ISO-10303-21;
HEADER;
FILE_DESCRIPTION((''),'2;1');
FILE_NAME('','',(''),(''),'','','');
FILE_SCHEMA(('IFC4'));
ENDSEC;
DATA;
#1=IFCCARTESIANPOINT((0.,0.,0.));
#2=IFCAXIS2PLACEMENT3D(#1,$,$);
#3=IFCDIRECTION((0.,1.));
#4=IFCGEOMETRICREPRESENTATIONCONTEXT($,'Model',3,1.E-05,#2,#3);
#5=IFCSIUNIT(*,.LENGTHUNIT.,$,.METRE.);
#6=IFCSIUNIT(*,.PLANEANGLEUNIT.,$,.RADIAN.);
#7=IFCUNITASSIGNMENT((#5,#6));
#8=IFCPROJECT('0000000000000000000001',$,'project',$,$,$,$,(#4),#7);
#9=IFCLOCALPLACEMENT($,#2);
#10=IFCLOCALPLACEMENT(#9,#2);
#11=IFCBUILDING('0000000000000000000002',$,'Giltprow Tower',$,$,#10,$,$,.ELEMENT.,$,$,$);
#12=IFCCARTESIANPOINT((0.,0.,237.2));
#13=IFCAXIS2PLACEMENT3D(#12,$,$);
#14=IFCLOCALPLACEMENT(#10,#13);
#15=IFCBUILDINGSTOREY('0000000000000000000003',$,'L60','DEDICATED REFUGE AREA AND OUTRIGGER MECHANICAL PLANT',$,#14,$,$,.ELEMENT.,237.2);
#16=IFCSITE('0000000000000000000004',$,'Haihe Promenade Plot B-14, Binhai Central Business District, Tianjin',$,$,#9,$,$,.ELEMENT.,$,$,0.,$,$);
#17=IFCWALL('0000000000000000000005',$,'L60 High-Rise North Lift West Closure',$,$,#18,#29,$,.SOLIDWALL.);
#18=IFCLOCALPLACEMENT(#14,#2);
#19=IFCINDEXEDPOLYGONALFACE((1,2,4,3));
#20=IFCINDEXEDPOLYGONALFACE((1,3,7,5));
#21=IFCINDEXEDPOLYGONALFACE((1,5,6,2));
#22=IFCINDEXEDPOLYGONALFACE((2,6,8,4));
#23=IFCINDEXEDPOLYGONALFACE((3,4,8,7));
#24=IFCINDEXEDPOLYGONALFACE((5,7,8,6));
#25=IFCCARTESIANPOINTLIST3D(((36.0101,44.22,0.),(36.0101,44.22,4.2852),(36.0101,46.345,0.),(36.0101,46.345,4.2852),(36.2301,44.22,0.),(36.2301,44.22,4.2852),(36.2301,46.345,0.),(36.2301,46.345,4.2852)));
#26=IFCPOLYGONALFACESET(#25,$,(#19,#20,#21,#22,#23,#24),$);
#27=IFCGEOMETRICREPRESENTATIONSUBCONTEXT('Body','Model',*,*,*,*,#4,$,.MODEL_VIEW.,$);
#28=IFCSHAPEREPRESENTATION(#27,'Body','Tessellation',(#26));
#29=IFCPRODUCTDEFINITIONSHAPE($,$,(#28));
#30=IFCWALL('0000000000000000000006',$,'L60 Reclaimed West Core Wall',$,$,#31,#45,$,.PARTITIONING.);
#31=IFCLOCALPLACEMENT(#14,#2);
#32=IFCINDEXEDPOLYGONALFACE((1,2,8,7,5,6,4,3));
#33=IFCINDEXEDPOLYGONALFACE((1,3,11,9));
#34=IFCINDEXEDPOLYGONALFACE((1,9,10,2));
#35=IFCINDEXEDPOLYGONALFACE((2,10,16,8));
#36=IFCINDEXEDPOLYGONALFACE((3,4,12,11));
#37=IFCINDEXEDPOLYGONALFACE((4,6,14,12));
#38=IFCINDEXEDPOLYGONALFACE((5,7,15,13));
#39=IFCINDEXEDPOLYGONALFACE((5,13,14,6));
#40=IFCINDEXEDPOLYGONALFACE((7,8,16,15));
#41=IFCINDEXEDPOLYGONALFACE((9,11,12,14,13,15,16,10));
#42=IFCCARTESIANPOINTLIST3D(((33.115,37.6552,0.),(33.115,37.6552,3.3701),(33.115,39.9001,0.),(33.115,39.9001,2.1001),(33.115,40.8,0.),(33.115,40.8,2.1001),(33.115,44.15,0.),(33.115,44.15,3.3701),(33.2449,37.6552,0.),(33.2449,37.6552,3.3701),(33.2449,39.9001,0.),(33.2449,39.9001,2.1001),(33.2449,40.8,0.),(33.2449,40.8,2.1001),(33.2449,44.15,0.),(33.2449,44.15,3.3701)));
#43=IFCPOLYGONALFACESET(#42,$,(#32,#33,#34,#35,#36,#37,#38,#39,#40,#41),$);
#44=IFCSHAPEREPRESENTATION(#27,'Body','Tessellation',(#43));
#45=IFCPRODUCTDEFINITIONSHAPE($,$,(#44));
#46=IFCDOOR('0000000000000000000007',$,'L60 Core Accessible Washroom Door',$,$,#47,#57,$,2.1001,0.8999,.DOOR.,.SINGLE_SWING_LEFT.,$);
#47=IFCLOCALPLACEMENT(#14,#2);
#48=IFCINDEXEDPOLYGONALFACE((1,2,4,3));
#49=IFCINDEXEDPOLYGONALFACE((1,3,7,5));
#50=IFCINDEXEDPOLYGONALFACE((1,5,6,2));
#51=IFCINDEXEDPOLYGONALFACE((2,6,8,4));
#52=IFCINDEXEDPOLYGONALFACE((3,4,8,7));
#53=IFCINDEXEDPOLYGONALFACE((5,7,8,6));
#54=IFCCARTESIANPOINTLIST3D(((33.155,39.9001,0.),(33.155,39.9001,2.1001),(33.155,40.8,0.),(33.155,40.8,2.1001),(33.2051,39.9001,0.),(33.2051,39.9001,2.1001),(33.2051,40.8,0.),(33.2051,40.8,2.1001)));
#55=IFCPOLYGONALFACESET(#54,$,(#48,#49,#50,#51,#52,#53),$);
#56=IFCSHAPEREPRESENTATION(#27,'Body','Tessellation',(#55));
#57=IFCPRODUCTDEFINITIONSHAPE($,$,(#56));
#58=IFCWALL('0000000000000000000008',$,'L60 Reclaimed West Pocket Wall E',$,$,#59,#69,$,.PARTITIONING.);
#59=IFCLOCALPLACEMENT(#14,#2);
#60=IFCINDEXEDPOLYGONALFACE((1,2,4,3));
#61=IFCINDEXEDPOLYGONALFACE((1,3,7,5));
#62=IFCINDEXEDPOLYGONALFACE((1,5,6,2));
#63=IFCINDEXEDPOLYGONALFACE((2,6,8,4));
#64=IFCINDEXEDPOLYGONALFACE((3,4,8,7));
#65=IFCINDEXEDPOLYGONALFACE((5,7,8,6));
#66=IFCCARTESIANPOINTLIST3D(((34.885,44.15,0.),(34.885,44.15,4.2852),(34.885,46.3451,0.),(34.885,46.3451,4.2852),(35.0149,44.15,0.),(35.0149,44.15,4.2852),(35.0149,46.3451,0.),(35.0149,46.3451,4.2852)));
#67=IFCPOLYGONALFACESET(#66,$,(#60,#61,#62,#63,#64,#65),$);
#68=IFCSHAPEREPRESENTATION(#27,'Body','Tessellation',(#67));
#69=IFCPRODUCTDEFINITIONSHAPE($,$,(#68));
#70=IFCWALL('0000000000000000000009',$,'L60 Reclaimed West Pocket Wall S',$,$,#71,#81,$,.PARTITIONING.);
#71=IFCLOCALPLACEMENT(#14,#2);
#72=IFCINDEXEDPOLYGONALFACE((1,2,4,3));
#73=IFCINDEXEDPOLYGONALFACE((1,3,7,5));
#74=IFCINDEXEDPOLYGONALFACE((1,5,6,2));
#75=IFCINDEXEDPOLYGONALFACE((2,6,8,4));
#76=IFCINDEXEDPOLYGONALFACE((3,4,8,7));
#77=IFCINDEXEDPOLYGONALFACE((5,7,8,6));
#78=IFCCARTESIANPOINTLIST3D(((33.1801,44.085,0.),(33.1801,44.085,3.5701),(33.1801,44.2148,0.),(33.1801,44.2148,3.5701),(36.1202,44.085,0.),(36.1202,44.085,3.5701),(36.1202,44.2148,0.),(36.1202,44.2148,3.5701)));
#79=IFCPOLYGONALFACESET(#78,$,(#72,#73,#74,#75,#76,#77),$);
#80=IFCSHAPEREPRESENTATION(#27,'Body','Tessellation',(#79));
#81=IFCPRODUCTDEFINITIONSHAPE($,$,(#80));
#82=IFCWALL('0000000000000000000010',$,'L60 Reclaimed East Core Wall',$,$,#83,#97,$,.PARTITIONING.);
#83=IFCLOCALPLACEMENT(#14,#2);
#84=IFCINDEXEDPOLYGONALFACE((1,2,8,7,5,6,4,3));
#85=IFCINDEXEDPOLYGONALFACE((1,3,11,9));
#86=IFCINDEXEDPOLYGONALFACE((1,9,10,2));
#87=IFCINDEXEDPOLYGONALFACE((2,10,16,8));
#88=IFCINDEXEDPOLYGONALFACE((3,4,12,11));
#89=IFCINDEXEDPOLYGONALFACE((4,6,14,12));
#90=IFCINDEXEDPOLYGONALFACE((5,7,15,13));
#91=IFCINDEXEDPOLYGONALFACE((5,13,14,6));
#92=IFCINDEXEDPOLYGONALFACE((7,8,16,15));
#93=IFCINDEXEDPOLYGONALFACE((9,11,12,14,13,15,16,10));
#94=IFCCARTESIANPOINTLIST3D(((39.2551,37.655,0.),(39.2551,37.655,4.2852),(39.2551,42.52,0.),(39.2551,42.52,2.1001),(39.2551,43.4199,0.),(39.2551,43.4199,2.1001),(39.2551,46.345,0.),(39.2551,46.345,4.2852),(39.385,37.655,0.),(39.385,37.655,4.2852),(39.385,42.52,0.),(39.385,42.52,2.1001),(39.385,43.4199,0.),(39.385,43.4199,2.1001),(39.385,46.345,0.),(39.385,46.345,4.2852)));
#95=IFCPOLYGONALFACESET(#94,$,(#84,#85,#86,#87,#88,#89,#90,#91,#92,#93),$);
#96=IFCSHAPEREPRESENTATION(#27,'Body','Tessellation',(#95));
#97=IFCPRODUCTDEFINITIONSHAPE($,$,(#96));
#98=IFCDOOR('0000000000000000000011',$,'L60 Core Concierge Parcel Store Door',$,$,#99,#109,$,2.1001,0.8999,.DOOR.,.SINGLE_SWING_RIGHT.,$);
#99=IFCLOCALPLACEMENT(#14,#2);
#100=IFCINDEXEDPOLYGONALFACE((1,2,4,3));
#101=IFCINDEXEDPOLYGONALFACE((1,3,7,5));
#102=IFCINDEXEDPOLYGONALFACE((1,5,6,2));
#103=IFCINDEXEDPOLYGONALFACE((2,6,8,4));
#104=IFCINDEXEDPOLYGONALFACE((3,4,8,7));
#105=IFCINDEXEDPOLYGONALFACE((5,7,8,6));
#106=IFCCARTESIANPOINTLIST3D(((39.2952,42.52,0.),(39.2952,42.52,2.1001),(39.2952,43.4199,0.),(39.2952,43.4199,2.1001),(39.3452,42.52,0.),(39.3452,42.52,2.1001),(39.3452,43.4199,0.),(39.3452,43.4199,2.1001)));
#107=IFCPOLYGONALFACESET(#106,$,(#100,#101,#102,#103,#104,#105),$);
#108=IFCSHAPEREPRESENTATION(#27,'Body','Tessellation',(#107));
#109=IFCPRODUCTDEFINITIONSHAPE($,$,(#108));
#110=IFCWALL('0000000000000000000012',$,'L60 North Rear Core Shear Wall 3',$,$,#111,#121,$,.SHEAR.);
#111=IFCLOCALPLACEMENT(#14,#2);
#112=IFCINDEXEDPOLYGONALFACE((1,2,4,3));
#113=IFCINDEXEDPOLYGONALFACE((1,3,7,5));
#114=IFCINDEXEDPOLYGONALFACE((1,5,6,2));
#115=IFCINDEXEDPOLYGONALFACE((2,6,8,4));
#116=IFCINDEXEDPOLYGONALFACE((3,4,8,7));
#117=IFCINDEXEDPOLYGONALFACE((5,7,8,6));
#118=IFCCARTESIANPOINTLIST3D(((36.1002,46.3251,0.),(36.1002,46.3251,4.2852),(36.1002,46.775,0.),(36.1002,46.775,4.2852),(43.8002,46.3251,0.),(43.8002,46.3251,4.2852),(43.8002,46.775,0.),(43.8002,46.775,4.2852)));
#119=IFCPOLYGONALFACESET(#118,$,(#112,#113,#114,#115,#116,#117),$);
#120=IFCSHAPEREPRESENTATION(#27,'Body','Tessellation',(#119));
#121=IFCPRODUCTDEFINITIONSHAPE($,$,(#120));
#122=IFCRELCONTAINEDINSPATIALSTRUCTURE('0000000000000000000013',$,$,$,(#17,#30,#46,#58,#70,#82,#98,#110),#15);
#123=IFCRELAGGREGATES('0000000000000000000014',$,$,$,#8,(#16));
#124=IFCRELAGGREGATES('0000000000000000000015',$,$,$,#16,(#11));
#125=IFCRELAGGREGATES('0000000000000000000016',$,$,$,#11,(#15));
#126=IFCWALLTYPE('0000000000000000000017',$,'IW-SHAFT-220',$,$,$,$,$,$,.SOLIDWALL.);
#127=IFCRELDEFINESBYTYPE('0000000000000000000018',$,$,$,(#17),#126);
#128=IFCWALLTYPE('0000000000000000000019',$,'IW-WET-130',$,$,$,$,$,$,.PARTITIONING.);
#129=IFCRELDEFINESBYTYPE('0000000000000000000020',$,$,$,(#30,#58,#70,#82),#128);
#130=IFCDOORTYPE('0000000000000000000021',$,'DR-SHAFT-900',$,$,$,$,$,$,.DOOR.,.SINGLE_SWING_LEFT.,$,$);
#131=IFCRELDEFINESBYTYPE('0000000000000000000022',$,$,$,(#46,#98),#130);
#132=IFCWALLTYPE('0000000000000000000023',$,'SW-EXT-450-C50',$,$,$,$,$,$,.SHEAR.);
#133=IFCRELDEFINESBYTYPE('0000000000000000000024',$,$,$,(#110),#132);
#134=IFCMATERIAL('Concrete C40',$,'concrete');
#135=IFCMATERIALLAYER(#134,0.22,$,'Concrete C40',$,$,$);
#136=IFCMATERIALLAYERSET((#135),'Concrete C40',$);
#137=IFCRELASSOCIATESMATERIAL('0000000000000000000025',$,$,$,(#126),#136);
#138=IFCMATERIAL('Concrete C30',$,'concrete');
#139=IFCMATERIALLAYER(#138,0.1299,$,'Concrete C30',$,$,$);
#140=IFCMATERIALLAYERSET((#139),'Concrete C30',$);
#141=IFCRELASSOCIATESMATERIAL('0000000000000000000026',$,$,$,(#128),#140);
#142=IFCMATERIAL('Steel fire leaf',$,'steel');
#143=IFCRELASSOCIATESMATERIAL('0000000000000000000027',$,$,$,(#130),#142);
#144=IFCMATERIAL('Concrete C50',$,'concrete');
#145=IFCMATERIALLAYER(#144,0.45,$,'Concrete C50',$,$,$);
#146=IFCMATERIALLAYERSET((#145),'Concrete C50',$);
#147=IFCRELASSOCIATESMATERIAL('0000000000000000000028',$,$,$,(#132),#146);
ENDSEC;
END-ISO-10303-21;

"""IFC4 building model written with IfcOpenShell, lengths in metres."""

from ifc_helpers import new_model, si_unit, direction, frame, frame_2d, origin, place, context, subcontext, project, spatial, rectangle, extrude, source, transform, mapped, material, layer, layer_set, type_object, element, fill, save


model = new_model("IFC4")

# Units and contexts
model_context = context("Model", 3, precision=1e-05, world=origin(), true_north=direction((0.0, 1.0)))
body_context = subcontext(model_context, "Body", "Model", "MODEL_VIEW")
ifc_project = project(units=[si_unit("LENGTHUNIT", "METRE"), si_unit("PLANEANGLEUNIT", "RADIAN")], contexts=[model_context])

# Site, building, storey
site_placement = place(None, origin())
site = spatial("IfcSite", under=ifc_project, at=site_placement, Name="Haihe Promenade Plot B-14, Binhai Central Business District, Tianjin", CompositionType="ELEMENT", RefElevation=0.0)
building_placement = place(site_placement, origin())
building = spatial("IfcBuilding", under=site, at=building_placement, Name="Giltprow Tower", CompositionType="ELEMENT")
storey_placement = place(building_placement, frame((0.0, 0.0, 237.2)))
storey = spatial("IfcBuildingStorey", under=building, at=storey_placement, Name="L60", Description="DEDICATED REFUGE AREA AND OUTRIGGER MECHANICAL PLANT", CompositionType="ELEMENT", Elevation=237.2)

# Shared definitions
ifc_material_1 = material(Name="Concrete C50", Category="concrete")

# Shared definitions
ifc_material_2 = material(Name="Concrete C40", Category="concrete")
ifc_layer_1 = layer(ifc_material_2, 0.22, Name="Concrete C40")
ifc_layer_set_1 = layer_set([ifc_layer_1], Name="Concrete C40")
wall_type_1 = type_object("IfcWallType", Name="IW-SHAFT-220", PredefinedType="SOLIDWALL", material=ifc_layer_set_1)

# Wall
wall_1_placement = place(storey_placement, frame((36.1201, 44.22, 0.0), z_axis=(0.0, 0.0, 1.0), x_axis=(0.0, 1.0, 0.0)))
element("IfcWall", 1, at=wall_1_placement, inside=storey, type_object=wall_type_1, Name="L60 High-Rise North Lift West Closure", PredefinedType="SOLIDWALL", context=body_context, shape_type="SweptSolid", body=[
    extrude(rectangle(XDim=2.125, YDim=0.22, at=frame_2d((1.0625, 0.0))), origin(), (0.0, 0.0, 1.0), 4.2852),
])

--- --- ---

→ Task instructions:
Using the entries above, extract exactly the span from the line with "#145=IFCMATERIALLAYER(#144,0.45,$,'Concrete C50',$,$,$);" to the line with "END-ISO-10303-21;", both lines included; leave out everything else.

→ Answer to this task:
#145=IFCMATERIALLAYER(#144,0.45,$,'Concrete C50',$,$,$);
#146=IFCMATERIALLAYERSET((#145),'Concrete C50',$);
#147=IFCRELASSOCIATESMATERIAL('0000000000000000000028',$,$,$,(#132),#146);
ENDSEC;
END-ISO-10303-21;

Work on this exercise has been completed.